» **Task directions**: Beneath this line are the data; copy exactly the part of them that opens with the line containing "from ifc_helpers import" and closes with the line containing "# Units and contexts", and only that part.

» **Provided material**:
Segment Open
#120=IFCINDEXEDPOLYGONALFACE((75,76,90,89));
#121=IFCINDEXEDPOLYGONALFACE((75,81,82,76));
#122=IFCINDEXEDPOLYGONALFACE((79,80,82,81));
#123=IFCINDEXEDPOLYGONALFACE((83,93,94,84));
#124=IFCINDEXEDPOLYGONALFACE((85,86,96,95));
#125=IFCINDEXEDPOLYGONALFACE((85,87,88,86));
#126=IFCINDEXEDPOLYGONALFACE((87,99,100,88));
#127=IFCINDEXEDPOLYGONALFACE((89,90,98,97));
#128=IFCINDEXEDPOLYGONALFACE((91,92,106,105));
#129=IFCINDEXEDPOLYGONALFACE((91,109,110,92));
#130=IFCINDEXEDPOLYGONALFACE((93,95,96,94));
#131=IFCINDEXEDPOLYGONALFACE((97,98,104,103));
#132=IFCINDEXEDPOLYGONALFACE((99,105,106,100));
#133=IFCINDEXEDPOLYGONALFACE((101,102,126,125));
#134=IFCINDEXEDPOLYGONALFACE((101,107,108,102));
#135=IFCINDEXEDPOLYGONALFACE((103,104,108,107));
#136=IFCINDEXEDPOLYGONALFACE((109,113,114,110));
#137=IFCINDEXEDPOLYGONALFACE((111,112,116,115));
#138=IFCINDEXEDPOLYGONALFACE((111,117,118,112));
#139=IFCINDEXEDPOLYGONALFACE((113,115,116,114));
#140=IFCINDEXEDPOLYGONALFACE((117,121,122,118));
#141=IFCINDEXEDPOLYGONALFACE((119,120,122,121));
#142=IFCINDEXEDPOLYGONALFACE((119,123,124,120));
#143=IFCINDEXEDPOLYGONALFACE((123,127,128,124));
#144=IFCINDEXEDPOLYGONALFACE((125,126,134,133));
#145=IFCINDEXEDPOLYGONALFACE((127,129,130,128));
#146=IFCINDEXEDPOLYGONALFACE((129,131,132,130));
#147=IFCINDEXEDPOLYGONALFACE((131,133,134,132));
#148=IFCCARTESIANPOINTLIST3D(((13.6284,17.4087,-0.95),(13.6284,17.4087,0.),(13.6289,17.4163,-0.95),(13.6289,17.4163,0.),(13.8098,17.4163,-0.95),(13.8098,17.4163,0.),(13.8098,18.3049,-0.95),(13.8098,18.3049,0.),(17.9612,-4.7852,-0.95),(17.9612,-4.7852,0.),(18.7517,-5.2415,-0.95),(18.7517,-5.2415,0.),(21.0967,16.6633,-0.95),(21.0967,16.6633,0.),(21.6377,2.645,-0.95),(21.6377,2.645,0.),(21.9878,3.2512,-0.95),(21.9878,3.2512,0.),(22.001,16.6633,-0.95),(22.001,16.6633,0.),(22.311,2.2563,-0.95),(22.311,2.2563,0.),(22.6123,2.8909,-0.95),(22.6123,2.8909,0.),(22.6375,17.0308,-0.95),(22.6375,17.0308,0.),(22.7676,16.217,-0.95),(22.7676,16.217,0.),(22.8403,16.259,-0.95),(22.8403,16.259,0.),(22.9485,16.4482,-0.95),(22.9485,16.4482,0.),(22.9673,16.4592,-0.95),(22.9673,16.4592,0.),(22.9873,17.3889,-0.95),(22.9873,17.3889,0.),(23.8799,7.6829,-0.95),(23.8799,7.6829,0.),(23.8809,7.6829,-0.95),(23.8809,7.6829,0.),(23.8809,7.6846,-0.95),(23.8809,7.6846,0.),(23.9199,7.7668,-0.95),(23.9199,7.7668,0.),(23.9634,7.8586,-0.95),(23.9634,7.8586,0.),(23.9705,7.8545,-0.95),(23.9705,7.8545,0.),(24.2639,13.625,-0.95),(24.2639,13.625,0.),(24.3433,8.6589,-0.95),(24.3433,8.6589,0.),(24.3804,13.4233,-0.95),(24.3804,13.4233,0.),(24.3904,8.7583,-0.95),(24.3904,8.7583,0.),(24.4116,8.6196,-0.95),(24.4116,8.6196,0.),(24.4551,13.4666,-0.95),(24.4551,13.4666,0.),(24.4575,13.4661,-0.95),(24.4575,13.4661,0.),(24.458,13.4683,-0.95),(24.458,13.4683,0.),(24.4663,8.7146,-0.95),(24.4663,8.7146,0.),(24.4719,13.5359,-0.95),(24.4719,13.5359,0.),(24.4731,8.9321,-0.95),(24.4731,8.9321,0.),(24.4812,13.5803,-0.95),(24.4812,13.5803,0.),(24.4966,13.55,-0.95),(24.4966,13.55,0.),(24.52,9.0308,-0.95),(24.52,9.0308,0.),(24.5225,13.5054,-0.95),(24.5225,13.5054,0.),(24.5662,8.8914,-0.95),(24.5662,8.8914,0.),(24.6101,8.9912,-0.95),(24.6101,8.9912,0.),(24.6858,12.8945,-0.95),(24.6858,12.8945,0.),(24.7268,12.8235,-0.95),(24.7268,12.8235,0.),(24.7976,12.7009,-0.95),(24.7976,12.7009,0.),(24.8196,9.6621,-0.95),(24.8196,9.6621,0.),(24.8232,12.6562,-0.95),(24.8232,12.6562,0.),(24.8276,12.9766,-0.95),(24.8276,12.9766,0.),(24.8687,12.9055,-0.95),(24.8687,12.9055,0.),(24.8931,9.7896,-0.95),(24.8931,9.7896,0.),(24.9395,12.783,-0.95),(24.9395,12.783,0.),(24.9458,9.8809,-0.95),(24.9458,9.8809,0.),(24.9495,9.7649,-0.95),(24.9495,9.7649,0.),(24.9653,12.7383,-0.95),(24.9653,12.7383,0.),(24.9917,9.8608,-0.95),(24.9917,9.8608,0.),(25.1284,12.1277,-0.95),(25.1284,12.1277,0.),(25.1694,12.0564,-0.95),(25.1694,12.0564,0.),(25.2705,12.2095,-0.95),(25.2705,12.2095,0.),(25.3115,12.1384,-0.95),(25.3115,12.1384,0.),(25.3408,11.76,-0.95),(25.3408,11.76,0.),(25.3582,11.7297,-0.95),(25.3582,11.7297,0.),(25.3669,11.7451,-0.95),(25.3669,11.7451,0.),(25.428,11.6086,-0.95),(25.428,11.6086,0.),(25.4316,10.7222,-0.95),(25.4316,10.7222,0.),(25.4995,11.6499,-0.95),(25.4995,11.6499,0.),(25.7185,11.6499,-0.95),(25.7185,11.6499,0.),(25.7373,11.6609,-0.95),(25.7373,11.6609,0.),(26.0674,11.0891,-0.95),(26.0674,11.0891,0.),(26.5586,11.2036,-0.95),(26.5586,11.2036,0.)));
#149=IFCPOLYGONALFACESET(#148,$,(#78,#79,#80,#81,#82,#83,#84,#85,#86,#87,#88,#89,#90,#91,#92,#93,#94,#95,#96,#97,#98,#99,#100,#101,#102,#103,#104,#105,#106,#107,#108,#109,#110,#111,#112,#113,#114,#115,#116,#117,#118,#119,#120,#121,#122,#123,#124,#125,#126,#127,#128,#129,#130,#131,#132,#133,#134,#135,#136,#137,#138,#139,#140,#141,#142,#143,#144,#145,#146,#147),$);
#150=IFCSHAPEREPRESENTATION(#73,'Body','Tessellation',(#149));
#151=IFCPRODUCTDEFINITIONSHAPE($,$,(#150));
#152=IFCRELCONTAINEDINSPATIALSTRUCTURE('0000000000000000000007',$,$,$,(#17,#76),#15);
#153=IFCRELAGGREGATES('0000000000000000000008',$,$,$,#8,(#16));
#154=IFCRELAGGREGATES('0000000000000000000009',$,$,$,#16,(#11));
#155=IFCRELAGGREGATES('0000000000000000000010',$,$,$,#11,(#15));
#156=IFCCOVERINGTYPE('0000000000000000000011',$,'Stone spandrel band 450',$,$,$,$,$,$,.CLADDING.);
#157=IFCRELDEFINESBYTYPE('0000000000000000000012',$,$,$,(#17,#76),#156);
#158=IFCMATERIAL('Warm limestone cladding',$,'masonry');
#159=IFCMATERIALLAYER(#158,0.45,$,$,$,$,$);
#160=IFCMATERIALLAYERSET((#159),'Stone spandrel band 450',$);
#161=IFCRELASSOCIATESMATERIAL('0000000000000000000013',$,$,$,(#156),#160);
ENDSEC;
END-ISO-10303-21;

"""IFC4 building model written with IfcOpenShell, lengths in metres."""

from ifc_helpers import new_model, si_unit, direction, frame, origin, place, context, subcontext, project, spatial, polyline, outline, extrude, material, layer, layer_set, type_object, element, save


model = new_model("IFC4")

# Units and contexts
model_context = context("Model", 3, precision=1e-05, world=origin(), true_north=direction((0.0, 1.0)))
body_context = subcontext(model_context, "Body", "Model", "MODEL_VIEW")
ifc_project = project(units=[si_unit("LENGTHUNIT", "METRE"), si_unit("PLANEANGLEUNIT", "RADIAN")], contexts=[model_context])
Segment Closed
» **Task answer**:
from ifc_helpers import new_model, si_unit, direction, frame, origin, place, context, subcontext, project, spatial, polyline, outline, extrude, material, layer, layer_set, type_object, element, save


model = new_model("IFC4")

# Units and contexts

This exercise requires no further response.